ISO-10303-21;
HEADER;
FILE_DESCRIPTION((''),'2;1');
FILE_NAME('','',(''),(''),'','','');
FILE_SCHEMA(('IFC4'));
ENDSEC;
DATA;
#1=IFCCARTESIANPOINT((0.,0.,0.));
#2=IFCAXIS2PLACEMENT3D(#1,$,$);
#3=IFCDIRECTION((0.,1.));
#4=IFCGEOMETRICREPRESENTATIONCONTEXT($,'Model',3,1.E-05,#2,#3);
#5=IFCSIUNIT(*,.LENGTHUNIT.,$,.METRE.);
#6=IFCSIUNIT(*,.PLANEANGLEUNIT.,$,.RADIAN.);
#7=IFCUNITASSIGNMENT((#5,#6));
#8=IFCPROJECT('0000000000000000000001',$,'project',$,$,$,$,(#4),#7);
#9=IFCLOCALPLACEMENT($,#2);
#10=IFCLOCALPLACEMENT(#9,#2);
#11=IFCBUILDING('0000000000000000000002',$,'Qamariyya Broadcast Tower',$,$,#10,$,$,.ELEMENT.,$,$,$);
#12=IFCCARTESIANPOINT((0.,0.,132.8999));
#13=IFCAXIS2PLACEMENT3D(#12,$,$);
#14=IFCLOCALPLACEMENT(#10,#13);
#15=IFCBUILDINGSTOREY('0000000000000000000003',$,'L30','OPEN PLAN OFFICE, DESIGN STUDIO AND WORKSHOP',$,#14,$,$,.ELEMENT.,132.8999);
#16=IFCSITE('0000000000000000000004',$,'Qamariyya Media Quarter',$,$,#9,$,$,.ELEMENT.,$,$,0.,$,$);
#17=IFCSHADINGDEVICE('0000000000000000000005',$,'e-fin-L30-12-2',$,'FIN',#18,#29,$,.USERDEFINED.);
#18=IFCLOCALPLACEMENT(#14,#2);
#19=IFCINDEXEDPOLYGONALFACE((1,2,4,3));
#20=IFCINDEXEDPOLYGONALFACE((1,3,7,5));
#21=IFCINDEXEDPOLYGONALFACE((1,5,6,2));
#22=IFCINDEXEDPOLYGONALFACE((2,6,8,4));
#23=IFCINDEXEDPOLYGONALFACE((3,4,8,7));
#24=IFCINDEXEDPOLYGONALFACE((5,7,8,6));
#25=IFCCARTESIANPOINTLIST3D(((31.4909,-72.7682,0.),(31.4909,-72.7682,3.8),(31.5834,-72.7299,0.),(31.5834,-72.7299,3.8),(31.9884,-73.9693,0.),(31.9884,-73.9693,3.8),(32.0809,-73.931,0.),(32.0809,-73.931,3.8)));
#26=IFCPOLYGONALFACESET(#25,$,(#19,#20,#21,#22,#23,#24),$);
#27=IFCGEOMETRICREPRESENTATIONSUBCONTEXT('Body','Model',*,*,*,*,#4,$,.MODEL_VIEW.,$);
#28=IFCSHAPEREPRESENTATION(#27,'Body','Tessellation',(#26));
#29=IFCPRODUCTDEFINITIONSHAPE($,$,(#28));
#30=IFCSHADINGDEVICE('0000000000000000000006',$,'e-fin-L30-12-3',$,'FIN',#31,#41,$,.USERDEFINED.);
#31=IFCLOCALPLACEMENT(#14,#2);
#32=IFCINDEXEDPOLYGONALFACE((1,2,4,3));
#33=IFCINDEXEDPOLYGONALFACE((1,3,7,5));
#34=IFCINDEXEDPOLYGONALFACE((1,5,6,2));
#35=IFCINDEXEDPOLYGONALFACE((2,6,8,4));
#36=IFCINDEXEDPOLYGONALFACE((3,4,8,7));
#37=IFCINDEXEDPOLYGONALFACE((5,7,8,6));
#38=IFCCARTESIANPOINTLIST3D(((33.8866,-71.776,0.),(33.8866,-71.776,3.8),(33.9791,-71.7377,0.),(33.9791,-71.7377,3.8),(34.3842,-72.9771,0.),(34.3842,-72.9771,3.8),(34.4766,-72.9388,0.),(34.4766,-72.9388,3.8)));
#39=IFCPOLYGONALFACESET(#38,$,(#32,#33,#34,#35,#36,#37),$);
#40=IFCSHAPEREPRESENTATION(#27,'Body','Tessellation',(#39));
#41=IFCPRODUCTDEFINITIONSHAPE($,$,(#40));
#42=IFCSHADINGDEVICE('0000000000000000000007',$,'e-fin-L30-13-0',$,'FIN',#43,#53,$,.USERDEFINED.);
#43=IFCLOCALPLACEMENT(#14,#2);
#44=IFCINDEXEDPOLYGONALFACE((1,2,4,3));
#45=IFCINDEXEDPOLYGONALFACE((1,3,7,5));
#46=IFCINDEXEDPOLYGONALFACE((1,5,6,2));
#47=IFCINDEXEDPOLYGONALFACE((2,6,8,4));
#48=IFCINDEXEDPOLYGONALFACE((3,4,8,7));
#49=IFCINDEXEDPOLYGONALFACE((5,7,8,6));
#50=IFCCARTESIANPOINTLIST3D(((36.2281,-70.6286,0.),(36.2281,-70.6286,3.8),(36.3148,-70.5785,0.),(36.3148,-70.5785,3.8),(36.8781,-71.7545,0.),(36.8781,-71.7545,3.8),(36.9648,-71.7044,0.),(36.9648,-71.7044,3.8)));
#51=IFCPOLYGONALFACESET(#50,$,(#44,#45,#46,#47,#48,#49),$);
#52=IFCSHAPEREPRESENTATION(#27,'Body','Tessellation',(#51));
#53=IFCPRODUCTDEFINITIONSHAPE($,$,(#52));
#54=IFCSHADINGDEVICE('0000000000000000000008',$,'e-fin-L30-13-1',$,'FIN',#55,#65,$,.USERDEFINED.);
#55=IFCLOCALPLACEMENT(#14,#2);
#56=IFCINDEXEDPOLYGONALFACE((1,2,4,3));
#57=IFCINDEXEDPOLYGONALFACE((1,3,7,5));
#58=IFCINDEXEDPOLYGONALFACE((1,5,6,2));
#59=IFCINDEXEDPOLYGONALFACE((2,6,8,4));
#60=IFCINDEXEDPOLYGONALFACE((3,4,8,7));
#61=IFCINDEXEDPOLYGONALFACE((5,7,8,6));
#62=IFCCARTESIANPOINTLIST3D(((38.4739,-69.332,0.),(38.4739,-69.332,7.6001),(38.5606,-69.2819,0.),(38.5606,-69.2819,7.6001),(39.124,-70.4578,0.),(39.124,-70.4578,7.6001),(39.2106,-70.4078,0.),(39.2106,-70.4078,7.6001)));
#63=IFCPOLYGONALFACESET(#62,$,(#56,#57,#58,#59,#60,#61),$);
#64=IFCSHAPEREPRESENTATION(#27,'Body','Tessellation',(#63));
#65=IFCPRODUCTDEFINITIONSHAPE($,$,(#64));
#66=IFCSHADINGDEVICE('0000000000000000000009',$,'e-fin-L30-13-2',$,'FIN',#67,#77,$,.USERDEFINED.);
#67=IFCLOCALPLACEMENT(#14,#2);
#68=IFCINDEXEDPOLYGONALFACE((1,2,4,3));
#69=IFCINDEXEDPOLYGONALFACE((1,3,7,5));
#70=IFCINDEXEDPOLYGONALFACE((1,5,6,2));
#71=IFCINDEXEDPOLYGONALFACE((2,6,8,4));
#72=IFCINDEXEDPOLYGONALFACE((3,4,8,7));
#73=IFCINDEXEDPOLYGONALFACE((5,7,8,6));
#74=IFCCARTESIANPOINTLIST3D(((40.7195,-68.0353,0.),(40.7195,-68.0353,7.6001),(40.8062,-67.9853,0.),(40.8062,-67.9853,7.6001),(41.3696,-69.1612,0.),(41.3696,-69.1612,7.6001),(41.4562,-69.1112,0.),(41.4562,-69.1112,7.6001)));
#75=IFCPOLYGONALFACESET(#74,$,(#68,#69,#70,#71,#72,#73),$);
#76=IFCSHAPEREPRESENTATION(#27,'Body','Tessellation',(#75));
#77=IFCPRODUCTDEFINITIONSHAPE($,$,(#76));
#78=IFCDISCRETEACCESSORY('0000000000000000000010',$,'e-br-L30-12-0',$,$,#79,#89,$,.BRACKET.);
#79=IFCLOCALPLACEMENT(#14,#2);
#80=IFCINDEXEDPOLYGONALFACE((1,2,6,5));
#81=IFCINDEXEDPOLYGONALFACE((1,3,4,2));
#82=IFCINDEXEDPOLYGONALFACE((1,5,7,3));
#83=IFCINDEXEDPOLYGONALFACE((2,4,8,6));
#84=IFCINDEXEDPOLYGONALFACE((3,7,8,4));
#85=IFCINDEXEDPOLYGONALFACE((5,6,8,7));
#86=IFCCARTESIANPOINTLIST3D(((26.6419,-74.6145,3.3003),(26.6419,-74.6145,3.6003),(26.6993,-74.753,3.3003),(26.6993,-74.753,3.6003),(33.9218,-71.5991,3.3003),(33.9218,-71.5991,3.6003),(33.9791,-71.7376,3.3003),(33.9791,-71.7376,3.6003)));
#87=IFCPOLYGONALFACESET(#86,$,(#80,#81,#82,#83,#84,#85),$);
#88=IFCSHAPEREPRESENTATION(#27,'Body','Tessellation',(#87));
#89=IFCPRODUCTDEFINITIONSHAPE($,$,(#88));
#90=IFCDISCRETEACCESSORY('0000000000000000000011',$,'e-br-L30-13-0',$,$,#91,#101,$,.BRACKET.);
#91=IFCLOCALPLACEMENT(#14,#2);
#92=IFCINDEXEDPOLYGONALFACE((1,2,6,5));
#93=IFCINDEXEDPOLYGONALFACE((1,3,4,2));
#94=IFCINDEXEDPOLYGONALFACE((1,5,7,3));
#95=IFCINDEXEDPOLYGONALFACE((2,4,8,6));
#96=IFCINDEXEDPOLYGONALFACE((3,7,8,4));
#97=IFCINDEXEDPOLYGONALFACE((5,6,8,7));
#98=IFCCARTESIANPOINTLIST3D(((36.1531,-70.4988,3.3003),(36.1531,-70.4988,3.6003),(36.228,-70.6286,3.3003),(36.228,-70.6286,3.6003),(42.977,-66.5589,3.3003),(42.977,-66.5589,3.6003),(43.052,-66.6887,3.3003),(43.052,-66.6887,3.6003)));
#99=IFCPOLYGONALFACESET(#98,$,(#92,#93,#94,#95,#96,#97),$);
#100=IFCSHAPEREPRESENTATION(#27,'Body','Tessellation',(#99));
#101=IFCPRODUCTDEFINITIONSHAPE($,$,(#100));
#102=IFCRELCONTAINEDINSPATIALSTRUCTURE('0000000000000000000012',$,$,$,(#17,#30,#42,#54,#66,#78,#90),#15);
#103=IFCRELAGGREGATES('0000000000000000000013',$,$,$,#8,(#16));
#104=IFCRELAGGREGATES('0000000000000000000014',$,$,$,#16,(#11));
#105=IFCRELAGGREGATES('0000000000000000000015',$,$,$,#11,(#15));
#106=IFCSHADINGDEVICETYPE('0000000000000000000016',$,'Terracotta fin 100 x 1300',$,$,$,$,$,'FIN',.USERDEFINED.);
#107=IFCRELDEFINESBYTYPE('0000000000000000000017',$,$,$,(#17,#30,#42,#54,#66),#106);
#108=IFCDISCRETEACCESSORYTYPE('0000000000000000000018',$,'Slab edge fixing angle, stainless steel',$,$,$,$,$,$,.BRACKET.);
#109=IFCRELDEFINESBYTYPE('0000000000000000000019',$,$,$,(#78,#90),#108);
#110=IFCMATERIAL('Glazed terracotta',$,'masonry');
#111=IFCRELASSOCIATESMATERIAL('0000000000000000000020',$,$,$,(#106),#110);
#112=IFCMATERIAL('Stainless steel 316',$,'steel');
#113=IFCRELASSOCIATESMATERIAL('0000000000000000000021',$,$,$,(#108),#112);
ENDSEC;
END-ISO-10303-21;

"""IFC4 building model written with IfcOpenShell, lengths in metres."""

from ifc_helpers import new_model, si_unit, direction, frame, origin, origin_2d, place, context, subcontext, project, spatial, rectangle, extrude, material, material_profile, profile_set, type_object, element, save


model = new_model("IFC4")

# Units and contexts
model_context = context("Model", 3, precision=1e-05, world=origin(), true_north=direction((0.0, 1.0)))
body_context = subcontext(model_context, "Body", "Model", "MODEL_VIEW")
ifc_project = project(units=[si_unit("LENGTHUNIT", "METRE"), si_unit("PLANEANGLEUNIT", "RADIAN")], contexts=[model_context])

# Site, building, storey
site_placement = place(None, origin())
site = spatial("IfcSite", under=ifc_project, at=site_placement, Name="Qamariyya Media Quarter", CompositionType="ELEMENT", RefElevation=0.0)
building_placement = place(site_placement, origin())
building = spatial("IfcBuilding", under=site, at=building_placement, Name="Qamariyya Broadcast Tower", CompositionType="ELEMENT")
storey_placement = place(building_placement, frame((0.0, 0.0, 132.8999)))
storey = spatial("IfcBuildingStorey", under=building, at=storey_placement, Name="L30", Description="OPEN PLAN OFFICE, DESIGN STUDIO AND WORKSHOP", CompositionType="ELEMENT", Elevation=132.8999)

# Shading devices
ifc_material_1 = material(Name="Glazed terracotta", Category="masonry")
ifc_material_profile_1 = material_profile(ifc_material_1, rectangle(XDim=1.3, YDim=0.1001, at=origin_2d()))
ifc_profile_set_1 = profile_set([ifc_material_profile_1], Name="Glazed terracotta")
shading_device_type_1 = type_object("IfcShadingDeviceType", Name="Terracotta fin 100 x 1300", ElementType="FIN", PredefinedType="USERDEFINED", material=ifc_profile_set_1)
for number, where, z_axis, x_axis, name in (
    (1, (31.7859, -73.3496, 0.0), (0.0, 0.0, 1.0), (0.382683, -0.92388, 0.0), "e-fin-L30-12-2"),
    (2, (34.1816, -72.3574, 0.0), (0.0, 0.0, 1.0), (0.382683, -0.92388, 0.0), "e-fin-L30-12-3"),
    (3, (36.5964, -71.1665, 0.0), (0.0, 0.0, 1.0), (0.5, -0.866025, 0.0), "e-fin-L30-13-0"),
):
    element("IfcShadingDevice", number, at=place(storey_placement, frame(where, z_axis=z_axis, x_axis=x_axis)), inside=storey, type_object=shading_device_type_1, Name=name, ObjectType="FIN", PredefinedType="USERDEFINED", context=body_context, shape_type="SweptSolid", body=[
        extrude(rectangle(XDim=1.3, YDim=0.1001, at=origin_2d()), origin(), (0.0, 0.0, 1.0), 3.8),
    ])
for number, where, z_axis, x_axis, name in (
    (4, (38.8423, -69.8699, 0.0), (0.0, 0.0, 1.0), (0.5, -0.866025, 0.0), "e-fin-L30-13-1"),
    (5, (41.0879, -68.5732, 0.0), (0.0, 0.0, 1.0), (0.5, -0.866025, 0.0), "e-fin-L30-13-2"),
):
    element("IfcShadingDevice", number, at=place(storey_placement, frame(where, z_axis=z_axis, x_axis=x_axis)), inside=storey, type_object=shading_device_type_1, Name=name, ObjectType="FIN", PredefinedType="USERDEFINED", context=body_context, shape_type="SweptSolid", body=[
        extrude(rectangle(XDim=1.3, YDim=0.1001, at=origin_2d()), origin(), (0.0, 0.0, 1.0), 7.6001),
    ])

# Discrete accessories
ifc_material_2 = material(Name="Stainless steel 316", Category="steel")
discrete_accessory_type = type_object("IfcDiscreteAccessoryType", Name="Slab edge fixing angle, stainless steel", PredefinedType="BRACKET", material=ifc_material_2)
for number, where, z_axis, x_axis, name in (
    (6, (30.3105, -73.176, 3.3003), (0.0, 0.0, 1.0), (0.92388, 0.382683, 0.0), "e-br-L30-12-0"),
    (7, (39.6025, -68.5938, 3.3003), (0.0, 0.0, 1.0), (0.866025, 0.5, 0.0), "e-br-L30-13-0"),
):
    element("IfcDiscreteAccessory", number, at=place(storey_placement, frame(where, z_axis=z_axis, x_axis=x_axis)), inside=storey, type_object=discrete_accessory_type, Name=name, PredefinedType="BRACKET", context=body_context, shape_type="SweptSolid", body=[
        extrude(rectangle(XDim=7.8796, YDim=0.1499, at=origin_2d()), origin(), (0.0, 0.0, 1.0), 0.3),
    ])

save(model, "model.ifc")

=-=-=-=-=

Goal of the exercise: Within the listing above, extract exactly the lines from the line with "#5=IFCSIUNIT(*,.LENGTHUNIT.,$,.METRE.);" to the line with "STUDIO AND WORKSHOP',$,#14,$,$,.ELEMENT.,132.8999);", the two named lines included, and no others.

The answer:
#5=IFCSIUNIT(*,.LENGTHUNIT.,$,.METRE.);
#6=IFCSIUNIT(*,.PLANEANGLEUNIT.,$,.RADIAN.);
#7=IFCUNITASSIGNMENT((#5,#6));
#8=IFCPROJECT('0000000000000000000001',$,'project',$,$,$,$,(#4),#7);
#9=IFCLOCALPLACEMENT($,#2);
#10=IFCLOCALPLACEMENT(#9,#2);
#11=IFCBUILDING('0000000000000000000002',$,'Qamariyya Broadcast Tower',$,$,#10,$,$,.ELEMENT.,$,$,$);
#12=IFCCARTESIANPOINT((0.,0.,132.8999));
#13=IFCAXIS2PLACEMENT3D(#12,$,$);
#14=IFCLOCALPLACEMENT(#10,#13);
#15=IFCBUILDINGSTOREY('0000000000000000000003',$,'L30','OPEN PLAN OFFICE, DESIGN STUDIO AND WORKSHOP',$,#14,$,$,.ELEMENT.,132.8999);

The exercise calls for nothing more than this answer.